**What is being asked**
Nothing in the entries should be altered. Write them out in full.

::::::

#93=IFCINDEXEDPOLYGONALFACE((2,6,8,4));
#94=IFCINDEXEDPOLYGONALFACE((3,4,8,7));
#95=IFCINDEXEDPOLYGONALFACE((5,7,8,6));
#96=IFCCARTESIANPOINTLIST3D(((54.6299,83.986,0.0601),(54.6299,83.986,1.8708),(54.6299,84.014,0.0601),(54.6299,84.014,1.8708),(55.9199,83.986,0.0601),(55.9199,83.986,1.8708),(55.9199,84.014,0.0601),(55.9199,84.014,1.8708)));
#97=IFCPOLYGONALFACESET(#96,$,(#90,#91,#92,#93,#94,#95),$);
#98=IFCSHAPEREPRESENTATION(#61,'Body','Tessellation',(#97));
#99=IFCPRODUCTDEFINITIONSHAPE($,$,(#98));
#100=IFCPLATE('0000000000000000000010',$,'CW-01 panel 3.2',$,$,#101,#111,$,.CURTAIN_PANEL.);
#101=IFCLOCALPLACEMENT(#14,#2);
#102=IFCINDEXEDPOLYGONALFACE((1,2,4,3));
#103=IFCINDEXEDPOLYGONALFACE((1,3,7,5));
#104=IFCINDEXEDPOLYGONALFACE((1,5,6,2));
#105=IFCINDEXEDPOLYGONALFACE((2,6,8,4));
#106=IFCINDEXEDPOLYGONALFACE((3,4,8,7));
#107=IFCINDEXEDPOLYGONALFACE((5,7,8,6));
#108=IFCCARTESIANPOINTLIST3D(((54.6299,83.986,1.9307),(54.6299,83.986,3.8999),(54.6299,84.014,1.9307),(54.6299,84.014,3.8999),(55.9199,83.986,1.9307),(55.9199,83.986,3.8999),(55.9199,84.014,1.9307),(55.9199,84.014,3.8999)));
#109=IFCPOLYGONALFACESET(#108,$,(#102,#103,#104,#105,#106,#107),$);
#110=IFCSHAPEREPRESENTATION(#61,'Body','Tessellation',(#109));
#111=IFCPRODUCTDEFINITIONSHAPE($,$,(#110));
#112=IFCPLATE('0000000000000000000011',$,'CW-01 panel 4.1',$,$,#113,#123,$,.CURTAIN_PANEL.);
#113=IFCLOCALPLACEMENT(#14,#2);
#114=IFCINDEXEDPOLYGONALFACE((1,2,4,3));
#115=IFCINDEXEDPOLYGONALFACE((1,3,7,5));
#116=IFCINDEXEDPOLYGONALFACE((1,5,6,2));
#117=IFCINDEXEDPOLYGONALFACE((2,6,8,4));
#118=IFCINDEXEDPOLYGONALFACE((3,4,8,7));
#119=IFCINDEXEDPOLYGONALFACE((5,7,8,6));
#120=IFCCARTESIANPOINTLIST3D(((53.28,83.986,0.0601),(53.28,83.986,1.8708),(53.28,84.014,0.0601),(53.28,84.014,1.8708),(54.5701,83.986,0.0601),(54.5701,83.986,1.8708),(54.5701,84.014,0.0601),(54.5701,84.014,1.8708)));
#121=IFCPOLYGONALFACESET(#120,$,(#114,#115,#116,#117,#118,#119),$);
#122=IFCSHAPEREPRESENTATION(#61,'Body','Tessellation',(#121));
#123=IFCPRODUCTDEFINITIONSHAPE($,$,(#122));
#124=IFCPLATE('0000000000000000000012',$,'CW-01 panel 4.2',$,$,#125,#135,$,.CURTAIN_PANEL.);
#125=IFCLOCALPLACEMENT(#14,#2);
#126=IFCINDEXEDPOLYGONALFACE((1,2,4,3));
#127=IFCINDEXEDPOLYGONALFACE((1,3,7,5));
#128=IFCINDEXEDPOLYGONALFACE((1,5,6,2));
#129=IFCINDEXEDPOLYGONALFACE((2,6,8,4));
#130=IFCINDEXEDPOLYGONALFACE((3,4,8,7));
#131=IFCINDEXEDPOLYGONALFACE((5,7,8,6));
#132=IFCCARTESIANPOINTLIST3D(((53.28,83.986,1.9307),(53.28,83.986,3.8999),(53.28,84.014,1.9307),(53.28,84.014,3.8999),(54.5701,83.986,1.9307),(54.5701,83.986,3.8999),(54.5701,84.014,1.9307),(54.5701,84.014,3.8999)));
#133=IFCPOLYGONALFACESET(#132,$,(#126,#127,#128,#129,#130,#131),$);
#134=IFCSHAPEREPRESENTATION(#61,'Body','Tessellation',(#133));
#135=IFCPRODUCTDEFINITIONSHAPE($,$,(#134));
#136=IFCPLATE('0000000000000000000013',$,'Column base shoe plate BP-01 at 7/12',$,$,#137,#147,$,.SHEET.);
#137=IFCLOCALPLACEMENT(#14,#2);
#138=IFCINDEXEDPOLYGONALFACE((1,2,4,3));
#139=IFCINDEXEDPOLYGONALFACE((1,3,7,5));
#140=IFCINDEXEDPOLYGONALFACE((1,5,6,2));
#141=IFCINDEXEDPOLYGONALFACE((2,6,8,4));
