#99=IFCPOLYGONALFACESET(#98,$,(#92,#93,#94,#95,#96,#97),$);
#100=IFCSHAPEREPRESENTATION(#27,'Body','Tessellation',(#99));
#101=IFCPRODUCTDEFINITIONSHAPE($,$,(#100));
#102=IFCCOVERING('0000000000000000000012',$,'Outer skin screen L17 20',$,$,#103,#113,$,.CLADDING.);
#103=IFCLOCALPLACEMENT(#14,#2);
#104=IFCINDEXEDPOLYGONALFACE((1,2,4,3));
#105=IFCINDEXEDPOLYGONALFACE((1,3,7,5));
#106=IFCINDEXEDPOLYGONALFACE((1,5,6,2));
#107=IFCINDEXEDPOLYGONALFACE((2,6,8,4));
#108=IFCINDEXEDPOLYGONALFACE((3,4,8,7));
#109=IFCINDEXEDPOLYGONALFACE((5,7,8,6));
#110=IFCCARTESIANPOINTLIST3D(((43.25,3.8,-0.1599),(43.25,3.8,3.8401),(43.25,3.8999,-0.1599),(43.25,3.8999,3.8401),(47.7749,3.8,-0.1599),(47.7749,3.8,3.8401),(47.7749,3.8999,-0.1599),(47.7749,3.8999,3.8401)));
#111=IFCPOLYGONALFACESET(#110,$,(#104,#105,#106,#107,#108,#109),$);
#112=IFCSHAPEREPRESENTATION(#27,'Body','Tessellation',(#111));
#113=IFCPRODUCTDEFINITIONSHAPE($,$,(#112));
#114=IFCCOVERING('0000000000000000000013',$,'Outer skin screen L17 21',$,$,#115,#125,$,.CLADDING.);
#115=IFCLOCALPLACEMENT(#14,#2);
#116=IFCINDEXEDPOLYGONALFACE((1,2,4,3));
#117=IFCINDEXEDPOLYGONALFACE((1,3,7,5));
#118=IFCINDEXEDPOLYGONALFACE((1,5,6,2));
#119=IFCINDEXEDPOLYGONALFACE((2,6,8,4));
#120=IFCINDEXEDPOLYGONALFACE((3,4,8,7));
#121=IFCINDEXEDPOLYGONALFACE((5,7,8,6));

::::::

**Answer to the problem**
#93=IFCINDEXEDPOLYGONALFACE((2,6,8,4));
#94=IFCINDEXEDPOLYGONALFACE((3,4,8,7));
#95=IFCINDEXEDPOLYGONALFACE((5,7,8,6));
#96=IFCCARTESIANPOINTLIST3D(((54.6299,83.986,0.0601),(54.6299,83.986,1.8708),(54.6299,84.014,0.0601),(54.6299,84.014,1.8708),(55.9199,83.986,0.0601),(55.9199,83.986,1.8708),(55.9199,84.014,0.0601),(55.9199,84.014,1.8708)));
#97=IFCPOLYGONALFACESET(#96,$,(#90,#91,#92,#93,#94,#95),$);
#98=IFCSHAPEREPRESENTATION(#61,'Body','Tessellation',(#97));
#99=IFCPRODUCTDEFINITIONSHAPE($,$,(#98));
#100=IFCPLATE('0000000000000000000010',$,'CW-01 panel 3.2',$,$,#101,#111,$,.CURTAIN_PANEL.);
#101=IFCLOCALPLACEMENT(#14,#2);
#102=IFCINDEXEDPOLYGONALFACE((1,2,4,3));
#103=IFCINDEXEDPOLYGONALFACE((1,3,7,5));
#104=IFCINDEXEDPOLYGONALFACE((1,5,6,2));
#105=IFCINDEXEDPOLYGONALFACE((2,6,8,4));
#106=IFCINDEXEDPOLYGONALFACE((3,4,8,7));
#107=IFCINDEXEDPOLYGONALFACE((5,7,8,6));
#108=IFCCARTESIANPOINTLIST3D(((54.6299,83.986,1.9307),(54.6299,83.986,3.8999),(54.6299,84.014,1.9307),(54.6299,84.014,3.8999),(55.9199,83.986,1.9307),(55.9199,83.986,3.8999),(55.9199,84.014,1.9307),(55.9199,84.014,3.8999)));
#109=IFCPOLYGONALFACESET(#108,$,(#102,#103,#104,#105,#106,#107),$);
#110=IFCSHAPEREPRESENTATION(#61,'Body','Tessellation',(#109));
#111=IFCPRODUCTDEFINITIONSHAPE($,$,(#110));
#112=IFCPLATE('0000000000000000000011',$,'CW-01 panel 4.1',$,$,#113,#123,$,.CURTAIN_PANEL.);
#113=IFCLOCALPLACEMENT(#14,#2);
#114=IFCINDEXEDPOLYGONALFACE((1,2,4,3));
#115=IFCINDEXEDPOLYGONALFACE((1,3,7,5));
#116=IFCINDEXEDPOLYGONALFACE((1,5,6,2));
#117=IFCINDEXEDPOLYGONALFACE((2,6,8,4));
#118=IFCINDEXEDPOLYGONALFACE((3,4,8,7));
#119=IFCINDEXEDPOLYGONALFACE((5,7,8,6));
#120=IFCCARTESIANPOINTLIST3D(((53.28,83.986,0.0601),(53.28,83.986,1.8708),(53.28,84.014,0.0601),(53.28,84.014,1.8708),(54.5701,83.986,0.0601),(54.5701,83.986,1.8708),(54.5701,84.014,0.0601),(54.5701,84.014,1.8708)));
#121=IFCPOLYGONALFACESET(#120,$,(#114,#115,#116,#117,#118,#119),$);
#122=IFCSHAPEREPRESENTATION(#61,'Body','Tessellation',(#121));
#123=IFCPRODUCTDEFINITIONSHAPE($,$,(#122));
#124=IFCPLATE('0000000000000000000012',$,'CW-01 panel 4.2',$,$,#125,#135,$,.CURTAIN_PANEL.);
#125=IFCLOCALPLACEMENT(#14,#2);
#126=IFCINDEXEDPOLYGONALFACE((1,2,4,3));
#127=IFCINDEXEDPOLYGONALFACE((1,3,7,5));
#128=IFCINDEXEDPOLYGONALFACE((1,5,6,2));
#129=IFCINDEXEDPOLYGONALFACE((2,6,8,4));
#130=IFCINDEXEDPOLYGONALFACE((3,4,8,7));
#131=IFCINDEXEDPOLYGONALFACE((5,7,8,6));
#132=IFCCARTESIANPOINTLIST3D(((53.28,83.986,1.9307),(53.28,83.986,3.8999),(53.28,84.014,1.9307),(53.28,84.014,3.8999),(54.5701,83.986,1.9307),(54.5701,83.986,3.8999),(54.5701,84.014,1.9307),(54.5701,84.014,3.8999)));
#133=IFCPOLYGONALFACESET(#132,$,(#126,#127,#128,#129,#130,#131),$);
#134=IFCSHAPEREPRESENTATION(#61,'Body','Tessellation',(#133));
#135=IFCPRODUCTDEFINITIONSHAPE($,$,(#134));
#136=IFCPLATE('0000000000000000000013',$,'Column base shoe plate BP-01 at 7/12',$,$,#137,#147,$,.SHEET.);
#137=IFCLOCALPLACEMENT(#14,#2);
#138=IFCINDEXEDPOLYGONALFACE((1,2,4,3));
#139=IFCINDEXEDPOLYGONALFACE((1,3,7,5));
#140=IFCINDEXEDPOLYGONALFACE((1,5,6,2));
#141=IFCINDEXEDPOLYGONALFACE((2,6,8,4));
#99=IFCPOLYGONALFACESET(#98,$,(#92,#93,#94,#95,#96,#97),$);
#100=IFCSHAPEREPRESENTATION(#27,'Body','Tessellation',(#99));
#101=IFCPRODUCTDEFINITIONSHAPE($,$,(#100));
#102=IFCCOVERING('0000000000000000000012',$,'Outer skin screen L17 20',$,$,#103,#113,$,.CLADDING.);
#103=IFCLOCALPLACEMENT(#14,#2);
#104=IFCINDEXEDPOLYGONALFACE((1,2,4,3));
#105=IFCINDEXEDPOLYGONALFACE((1,3,7,5));
#106=IFCINDEXEDPOLYGONALFACE((1,5,6,2));
#107=IFCINDEXEDPOLYGONALFACE((2,6,8,4));
#108=IFCINDEXEDPOLYGONALFACE((3,4,8,7));
#109=IFCINDEXEDPOLYGONALFACE((5,7,8,6));
#110=IFCCARTESIANPOINTLIST3D(((43.25,3.8,-0.1599),(43.25,3.8,3.8401),(43.25,3.8999,-0.1599),(43.25,3.8999,3.8401),(47.7749,3.8,-0.1599),(47.7749,3.8,3.8401),(47.7749,3.8999,-0.1599),(47.7749,3.8999,3.8401)));
#111=IFCPOLYGONALFACESET(#110,$,(#104,#105,#106,#107,#108,#109),$);
#112=IFCSHAPEREPRESENTATION(#27,'Body','Tessellation',(#111));
#113=IFCPRODUCTDEFINITIONSHAPE($,$,(#112));
#114=IFCCOVERING('0000000000000000000013',$,'Outer skin screen L17 21',$,$,#115,#125,$,.CLADDING.);
#115=IFCLOCALPLACEMENT(#14,#2);
#116=IFCINDEXEDPOLYGONALFACE((1,2,4,3));
#117=IFCINDEXEDPOLYGONALFACE((1,3,7,5));
#118=IFCINDEXEDPOLYGONALFACE((1,5,6,2));
#119=IFCINDEXEDPOLYGONALFACE((2,6,8,4));
#120=IFCINDEXEDPOLYGONALFACE((3,4,8,7));
#121=IFCINDEXEDPOLYGONALFACE((5,7,8,6));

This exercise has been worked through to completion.